Records from a collection:
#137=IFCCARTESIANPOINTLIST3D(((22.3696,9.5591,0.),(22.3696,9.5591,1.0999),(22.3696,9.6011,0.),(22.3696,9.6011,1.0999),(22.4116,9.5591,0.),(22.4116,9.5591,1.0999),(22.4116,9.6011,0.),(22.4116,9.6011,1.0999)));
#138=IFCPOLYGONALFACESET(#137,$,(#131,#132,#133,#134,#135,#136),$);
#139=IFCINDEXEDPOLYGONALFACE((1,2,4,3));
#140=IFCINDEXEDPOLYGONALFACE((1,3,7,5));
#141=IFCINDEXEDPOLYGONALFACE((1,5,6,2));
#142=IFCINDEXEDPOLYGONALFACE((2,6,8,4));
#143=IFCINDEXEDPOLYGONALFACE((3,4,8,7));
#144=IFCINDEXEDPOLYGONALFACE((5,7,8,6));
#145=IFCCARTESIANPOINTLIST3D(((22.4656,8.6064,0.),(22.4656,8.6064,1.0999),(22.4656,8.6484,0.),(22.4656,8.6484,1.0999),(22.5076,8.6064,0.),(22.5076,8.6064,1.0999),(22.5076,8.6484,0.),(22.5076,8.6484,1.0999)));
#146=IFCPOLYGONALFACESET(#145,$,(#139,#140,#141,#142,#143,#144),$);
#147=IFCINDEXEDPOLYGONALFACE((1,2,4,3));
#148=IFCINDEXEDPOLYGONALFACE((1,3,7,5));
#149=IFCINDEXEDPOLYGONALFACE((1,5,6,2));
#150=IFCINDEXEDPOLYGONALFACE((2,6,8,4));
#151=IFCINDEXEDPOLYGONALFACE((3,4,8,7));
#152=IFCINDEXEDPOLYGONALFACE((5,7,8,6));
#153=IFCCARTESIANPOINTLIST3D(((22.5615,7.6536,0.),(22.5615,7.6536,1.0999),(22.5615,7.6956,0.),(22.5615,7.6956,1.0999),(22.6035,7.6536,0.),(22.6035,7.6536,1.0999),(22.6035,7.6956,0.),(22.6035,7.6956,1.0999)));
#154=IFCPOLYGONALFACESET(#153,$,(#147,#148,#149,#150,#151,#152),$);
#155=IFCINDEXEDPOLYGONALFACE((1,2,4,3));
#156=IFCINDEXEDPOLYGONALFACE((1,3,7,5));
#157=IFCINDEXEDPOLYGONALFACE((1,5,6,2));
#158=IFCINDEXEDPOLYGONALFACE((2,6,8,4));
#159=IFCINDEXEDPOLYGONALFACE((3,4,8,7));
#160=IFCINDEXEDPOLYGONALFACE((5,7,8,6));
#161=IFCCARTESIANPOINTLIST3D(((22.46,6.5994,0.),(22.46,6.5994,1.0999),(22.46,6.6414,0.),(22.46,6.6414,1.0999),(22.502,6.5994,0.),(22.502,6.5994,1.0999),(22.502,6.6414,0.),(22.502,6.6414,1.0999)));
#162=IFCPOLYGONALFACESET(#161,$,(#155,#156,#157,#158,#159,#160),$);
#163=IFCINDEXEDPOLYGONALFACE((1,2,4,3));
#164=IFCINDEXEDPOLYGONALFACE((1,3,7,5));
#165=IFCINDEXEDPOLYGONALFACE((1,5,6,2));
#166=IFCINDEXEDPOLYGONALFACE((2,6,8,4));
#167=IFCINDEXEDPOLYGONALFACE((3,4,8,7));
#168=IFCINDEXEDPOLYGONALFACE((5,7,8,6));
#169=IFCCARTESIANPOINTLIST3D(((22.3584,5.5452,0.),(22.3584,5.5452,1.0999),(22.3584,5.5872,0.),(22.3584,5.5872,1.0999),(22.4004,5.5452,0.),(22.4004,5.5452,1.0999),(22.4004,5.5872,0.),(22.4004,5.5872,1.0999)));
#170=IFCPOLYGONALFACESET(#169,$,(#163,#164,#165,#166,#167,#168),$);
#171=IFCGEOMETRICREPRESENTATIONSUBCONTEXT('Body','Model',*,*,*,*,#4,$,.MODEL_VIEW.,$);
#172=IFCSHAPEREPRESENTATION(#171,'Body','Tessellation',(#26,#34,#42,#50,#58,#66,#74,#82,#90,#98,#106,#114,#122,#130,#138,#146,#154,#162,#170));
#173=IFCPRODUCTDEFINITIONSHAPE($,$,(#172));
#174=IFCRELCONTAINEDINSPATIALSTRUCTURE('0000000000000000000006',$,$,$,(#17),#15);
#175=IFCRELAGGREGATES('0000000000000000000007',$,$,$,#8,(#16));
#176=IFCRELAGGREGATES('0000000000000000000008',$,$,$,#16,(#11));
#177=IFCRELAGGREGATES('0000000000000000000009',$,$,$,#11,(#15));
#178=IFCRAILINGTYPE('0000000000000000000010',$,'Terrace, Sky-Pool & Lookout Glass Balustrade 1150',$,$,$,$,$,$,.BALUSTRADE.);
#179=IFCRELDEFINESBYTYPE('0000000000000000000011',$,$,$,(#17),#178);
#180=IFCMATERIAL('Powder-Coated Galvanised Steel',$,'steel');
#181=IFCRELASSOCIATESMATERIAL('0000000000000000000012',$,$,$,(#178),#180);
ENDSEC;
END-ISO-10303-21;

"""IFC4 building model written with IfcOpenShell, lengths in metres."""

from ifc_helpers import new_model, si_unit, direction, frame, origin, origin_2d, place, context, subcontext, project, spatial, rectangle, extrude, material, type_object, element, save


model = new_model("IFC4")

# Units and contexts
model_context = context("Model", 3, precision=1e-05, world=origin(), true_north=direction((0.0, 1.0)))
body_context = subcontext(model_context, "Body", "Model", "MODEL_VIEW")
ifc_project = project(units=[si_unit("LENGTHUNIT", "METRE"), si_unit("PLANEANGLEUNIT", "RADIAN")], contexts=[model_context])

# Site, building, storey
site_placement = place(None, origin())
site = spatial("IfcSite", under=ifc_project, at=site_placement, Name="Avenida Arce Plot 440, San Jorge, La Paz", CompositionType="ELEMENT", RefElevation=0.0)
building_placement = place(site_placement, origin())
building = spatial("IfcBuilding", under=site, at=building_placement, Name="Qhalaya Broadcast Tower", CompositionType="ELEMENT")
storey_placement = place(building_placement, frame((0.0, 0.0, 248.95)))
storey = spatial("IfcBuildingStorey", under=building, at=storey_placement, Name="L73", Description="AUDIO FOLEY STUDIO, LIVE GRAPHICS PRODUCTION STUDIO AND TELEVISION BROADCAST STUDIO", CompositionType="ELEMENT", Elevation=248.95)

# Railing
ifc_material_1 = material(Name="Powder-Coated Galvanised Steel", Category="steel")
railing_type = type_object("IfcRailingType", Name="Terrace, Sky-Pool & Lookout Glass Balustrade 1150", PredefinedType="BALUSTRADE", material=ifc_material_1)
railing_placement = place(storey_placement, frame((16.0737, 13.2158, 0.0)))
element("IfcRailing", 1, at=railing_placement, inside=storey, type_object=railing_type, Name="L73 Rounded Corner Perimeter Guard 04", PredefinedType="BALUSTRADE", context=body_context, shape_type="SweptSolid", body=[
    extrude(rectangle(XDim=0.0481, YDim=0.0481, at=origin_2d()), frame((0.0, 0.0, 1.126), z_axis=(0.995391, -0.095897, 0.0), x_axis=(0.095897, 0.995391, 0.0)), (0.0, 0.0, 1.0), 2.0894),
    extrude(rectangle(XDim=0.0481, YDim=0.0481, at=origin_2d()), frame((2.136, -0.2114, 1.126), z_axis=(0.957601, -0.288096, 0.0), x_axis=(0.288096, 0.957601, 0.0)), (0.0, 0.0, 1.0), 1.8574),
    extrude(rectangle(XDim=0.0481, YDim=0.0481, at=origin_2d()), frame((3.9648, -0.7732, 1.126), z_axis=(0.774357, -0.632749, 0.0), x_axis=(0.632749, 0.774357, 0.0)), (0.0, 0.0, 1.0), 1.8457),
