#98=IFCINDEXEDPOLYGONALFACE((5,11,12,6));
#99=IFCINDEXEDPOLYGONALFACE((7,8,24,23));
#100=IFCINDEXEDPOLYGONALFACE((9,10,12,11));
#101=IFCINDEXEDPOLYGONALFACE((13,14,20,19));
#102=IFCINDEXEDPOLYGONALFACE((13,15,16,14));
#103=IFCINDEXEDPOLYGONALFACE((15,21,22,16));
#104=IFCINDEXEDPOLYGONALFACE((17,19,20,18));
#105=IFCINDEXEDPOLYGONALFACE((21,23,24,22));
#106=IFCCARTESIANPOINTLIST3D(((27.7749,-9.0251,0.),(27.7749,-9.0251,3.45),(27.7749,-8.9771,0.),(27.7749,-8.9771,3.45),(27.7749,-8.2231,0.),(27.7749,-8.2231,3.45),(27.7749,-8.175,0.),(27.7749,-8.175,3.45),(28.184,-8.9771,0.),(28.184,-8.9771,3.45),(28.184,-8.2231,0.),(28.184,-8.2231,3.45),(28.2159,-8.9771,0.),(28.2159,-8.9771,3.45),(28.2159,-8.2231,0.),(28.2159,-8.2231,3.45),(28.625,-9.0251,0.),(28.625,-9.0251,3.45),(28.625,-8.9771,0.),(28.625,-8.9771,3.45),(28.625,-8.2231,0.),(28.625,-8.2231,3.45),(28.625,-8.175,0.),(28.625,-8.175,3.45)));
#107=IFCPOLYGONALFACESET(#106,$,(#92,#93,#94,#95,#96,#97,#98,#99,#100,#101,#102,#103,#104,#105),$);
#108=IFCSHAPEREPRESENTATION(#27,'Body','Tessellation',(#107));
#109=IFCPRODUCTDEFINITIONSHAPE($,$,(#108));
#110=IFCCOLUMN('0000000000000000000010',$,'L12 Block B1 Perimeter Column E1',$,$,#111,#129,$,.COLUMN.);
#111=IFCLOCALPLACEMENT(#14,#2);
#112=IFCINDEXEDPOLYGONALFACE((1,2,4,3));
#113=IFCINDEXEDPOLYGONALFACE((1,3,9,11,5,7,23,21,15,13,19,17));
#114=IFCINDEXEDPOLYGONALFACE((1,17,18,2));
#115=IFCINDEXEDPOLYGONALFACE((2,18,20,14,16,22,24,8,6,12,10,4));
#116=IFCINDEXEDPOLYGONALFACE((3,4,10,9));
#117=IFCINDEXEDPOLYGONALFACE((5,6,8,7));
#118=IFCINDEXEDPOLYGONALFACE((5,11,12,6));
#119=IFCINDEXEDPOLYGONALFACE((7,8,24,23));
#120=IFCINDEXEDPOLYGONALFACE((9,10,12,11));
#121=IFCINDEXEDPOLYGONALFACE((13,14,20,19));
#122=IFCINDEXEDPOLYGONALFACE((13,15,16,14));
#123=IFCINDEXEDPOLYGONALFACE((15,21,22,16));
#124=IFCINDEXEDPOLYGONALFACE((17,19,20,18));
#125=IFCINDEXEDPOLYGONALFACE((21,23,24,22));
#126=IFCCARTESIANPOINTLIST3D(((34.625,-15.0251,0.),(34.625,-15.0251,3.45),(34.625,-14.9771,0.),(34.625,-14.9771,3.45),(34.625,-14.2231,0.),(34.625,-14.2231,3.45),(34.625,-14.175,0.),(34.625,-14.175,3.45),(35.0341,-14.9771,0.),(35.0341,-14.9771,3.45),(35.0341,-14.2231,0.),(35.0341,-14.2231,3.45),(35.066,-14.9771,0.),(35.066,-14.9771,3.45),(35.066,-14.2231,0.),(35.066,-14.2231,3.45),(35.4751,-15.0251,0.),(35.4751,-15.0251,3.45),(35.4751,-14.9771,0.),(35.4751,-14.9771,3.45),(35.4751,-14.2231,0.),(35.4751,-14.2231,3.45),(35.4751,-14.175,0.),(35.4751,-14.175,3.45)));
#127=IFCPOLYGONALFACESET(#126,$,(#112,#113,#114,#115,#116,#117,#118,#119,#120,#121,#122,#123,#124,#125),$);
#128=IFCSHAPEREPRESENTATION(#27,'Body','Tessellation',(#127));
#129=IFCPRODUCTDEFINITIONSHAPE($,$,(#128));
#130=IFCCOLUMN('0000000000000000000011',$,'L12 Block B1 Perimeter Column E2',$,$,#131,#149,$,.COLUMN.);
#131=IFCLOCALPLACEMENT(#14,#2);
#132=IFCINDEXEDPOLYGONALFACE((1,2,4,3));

Exercise brief: Could you return all lines from the records that include the word "Galvanised"?

Solution:
#180=IFCMATERIAL('Powder-Coated Galvanised Steel',$,'steel');
ifc_material_1 = material(Name="Powder-Coated Galvanised Steel", Category="steel")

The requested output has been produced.